| HOW TO COMPLETE THIS TASK |
Show every line in the material below in which the string "make" appears.
-- RECORDED INFORMATION follows --
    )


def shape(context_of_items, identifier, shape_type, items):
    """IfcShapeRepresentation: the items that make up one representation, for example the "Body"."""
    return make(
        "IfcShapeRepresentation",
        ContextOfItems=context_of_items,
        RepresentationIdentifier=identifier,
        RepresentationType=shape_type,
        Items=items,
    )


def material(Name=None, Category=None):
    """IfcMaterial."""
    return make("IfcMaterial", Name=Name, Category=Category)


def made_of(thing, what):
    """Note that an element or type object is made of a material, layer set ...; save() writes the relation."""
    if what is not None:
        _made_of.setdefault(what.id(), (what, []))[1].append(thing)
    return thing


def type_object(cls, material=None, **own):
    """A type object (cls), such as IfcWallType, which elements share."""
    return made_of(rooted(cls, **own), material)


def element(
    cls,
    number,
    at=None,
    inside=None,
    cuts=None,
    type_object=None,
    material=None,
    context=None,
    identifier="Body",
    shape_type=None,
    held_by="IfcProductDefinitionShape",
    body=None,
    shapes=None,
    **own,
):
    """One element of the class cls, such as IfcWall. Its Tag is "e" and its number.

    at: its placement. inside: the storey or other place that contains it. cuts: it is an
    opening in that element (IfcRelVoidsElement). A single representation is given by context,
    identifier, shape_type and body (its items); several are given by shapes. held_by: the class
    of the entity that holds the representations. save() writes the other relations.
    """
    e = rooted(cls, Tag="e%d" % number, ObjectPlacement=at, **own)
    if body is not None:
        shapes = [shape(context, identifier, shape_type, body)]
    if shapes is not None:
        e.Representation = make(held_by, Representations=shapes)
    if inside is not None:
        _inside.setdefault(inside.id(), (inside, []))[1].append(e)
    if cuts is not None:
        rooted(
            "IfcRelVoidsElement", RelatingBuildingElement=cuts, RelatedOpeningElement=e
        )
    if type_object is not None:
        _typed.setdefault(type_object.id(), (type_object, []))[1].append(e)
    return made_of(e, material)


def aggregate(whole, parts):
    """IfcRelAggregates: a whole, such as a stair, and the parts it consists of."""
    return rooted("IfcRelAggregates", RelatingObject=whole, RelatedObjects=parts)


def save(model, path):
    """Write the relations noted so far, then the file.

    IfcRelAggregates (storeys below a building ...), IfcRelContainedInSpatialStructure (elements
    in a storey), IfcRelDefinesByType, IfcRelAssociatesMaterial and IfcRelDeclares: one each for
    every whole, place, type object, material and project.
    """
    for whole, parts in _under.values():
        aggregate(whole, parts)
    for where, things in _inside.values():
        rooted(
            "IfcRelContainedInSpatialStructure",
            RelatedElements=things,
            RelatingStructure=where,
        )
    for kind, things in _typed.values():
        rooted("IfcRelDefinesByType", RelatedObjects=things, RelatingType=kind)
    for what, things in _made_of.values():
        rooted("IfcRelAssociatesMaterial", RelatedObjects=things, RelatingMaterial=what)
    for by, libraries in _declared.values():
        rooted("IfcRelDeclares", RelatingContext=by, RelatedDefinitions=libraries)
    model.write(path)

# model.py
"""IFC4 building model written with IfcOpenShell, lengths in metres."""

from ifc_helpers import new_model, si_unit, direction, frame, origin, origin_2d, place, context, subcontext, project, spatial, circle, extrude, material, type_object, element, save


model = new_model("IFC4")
-- RECORDED INFORMATION concluded --
-- RECORDED INFORMATION follows --
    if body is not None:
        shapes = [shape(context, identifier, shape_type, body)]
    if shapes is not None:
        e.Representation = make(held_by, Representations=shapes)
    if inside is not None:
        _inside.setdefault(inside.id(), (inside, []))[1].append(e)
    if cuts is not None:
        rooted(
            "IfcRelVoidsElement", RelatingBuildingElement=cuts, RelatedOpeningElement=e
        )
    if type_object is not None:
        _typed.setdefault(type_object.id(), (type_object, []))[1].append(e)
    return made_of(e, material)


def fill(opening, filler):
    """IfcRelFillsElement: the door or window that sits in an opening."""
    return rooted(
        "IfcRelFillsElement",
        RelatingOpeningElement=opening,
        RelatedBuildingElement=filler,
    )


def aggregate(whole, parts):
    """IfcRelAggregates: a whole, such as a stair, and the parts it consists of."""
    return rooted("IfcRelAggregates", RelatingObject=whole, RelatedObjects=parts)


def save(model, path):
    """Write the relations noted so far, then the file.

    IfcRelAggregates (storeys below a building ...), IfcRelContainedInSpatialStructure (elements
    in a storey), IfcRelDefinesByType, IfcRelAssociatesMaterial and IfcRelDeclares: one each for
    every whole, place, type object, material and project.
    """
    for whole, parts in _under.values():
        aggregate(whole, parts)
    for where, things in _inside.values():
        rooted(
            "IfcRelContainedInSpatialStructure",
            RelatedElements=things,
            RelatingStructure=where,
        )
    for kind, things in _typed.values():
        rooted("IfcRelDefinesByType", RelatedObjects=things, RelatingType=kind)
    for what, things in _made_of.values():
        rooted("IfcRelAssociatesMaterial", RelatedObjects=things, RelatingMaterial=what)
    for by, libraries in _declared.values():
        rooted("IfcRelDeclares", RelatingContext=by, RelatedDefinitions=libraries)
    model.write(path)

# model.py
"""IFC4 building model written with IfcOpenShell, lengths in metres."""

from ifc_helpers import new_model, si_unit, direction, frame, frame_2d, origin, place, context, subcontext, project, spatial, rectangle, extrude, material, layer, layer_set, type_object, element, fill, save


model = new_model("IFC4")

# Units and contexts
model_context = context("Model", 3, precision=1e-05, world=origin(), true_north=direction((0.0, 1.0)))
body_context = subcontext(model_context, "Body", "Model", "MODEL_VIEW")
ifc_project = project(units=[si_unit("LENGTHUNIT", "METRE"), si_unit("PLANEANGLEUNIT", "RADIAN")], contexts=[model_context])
-- RECORDED INFORMATION concluded --
| THE ANSWER |
    """IfcShapeRepresentation: the items that make up one representation, for example the "Body"."""
    return make(
    return make("IfcMaterial", Name=Name, Category=Category)
        e.Representation = make(held_by, Representations=shapes)
        e.Representation = make(held_by, Representations=shapes)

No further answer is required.